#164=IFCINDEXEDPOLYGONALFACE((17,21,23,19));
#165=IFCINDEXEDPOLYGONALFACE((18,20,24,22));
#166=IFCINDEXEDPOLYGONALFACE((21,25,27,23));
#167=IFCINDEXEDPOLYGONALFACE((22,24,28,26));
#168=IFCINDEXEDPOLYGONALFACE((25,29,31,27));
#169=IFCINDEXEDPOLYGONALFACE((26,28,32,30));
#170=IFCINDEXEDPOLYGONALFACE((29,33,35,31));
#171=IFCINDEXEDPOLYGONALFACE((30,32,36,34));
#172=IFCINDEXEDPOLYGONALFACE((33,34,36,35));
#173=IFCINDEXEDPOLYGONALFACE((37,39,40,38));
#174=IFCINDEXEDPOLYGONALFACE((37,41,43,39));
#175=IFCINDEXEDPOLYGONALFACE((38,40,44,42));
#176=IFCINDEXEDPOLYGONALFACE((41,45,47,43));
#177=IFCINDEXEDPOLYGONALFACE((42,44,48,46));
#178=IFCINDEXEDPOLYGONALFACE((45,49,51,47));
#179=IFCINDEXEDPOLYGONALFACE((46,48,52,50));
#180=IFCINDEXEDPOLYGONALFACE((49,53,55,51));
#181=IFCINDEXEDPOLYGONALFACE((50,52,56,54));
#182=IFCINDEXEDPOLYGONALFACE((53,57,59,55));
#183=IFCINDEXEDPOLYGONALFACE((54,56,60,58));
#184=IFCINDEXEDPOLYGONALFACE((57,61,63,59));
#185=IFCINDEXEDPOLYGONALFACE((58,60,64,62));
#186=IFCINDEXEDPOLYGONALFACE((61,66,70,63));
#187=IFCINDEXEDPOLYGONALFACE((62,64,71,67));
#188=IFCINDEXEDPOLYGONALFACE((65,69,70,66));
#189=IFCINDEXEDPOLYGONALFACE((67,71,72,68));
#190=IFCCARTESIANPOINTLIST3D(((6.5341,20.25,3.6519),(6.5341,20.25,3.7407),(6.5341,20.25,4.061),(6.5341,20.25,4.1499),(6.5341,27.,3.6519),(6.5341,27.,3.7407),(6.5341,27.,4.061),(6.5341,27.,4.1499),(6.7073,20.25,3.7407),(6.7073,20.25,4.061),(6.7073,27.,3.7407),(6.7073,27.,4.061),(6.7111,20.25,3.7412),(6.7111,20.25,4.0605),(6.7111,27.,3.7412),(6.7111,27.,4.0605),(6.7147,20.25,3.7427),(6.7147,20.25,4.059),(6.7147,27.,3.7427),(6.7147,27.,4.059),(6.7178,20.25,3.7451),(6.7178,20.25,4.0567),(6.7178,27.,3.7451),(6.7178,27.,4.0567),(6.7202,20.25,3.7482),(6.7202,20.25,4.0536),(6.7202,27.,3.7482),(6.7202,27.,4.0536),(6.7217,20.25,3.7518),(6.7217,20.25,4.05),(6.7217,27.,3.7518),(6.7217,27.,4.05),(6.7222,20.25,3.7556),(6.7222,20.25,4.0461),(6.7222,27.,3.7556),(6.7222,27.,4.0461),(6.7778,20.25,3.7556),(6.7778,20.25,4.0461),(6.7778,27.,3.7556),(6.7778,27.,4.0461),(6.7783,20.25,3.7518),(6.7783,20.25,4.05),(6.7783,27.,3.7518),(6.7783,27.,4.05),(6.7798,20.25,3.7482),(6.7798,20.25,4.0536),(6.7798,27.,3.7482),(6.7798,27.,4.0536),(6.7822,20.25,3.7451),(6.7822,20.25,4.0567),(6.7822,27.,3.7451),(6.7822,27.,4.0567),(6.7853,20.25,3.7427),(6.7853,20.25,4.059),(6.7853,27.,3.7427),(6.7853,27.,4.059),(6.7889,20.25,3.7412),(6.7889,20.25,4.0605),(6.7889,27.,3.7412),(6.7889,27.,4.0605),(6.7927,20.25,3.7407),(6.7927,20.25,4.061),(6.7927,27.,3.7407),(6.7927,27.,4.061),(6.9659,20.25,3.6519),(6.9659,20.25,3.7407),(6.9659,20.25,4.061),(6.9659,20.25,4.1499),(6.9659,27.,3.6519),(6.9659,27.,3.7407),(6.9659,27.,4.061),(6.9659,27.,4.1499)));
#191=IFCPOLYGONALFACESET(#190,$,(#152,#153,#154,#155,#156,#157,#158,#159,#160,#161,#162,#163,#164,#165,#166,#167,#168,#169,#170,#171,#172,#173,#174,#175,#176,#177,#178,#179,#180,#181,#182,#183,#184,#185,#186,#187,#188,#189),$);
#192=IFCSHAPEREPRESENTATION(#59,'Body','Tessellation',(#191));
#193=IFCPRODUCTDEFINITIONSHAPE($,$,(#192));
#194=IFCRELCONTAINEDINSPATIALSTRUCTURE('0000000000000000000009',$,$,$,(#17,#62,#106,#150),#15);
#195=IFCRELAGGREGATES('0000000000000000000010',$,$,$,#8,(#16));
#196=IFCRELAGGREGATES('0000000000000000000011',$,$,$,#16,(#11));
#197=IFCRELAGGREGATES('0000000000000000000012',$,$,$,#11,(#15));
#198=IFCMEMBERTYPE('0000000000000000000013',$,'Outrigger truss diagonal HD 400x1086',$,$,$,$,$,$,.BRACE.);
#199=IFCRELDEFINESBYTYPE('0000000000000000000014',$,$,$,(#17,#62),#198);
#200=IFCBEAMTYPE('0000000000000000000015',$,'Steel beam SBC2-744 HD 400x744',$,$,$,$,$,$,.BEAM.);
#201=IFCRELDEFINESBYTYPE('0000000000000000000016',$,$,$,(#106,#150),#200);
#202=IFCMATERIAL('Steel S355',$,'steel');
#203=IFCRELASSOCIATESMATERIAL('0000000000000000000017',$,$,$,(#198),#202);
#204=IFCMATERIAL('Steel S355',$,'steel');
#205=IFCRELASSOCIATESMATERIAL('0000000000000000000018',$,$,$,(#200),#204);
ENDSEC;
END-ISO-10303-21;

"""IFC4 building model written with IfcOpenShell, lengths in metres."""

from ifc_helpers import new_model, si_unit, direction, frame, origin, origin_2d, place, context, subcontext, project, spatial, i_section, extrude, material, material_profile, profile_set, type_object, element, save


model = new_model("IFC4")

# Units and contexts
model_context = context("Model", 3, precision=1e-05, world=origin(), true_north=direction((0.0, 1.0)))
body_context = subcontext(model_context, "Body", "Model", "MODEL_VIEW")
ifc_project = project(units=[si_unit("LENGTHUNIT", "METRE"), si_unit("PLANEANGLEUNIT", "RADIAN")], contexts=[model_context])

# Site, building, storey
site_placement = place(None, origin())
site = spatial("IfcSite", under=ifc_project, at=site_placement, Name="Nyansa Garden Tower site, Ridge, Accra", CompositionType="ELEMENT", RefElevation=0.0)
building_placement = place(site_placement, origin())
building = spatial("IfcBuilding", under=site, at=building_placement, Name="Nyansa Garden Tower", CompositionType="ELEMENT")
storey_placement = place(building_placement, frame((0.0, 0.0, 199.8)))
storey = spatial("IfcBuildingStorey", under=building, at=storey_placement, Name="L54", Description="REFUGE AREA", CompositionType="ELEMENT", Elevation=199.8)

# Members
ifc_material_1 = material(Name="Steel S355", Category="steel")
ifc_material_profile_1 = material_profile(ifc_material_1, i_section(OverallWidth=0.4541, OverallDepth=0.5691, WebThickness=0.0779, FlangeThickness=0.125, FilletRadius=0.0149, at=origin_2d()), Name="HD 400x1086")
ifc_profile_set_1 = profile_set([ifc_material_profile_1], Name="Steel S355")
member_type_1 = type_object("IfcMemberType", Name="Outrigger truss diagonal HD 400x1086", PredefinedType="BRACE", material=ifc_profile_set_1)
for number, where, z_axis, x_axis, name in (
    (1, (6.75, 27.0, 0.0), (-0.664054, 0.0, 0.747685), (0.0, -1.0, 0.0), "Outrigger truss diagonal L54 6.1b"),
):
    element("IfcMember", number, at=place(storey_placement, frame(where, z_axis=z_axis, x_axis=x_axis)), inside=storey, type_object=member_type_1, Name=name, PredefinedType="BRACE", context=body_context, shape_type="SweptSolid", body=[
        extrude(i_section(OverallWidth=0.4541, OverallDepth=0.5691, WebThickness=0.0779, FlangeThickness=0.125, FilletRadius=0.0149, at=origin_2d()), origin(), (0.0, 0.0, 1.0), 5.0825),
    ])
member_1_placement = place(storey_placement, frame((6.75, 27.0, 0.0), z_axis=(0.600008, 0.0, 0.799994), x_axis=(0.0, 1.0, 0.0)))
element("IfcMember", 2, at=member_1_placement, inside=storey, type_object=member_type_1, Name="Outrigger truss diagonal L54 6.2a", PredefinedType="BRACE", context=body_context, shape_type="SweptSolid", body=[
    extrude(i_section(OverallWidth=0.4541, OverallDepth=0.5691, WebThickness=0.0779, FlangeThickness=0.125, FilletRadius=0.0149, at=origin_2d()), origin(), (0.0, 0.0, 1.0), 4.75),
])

* * * *

**Work task**
Above are the entries. Copy exactly the part that opens with the line containing "#174=IFCINDEXEDPOLYGONALFACE((37,41,43,39));" and closes with the line containing "#189=IFCINDEXEDPOLYGONALFACE((67,71,72,68));", and no more.

**Finished task**
#174=IFCINDEXEDPOLYGONALFACE((37,41,43,39));
#175=IFCINDEXEDPOLYGONALFACE((38,40,44,42));
#176=IFCINDEXEDPOLYGONALFACE((41,45,47,43));
#177=IFCINDEXEDPOLYGONALFACE((42,44,48,46));
#178=IFCINDEXEDPOLYGONALFACE((45,49,51,47));
#179=IFCINDEXEDPOLYGONALFACE((46,48,52,50));
#180=IFCINDEXEDPOLYGONALFACE((49,53,55,51));
#181=IFCINDEXEDPOLYGONALFACE((50,52,56,54));
#182=IFCINDEXEDPOLYGONALFACE((53,57,59,55));
#183=IFCINDEXEDPOLYGONALFACE((54,56,60,58));
#184=IFCINDEXEDPOLYGONALFACE((57,61,63,59));
#185=IFCINDEXEDPOLYGONALFACE((58,60,64,62));
#186=IFCINDEXEDPOLYGONALFACE((61,66,70,63));
#187=IFCINDEXEDPOLYGONALFACE((62,64,71,67));
#188=IFCINDEXEDPOLYGONALFACE((65,69,70,66));
#189=IFCINDEXEDPOLYGONALFACE((67,71,72,68));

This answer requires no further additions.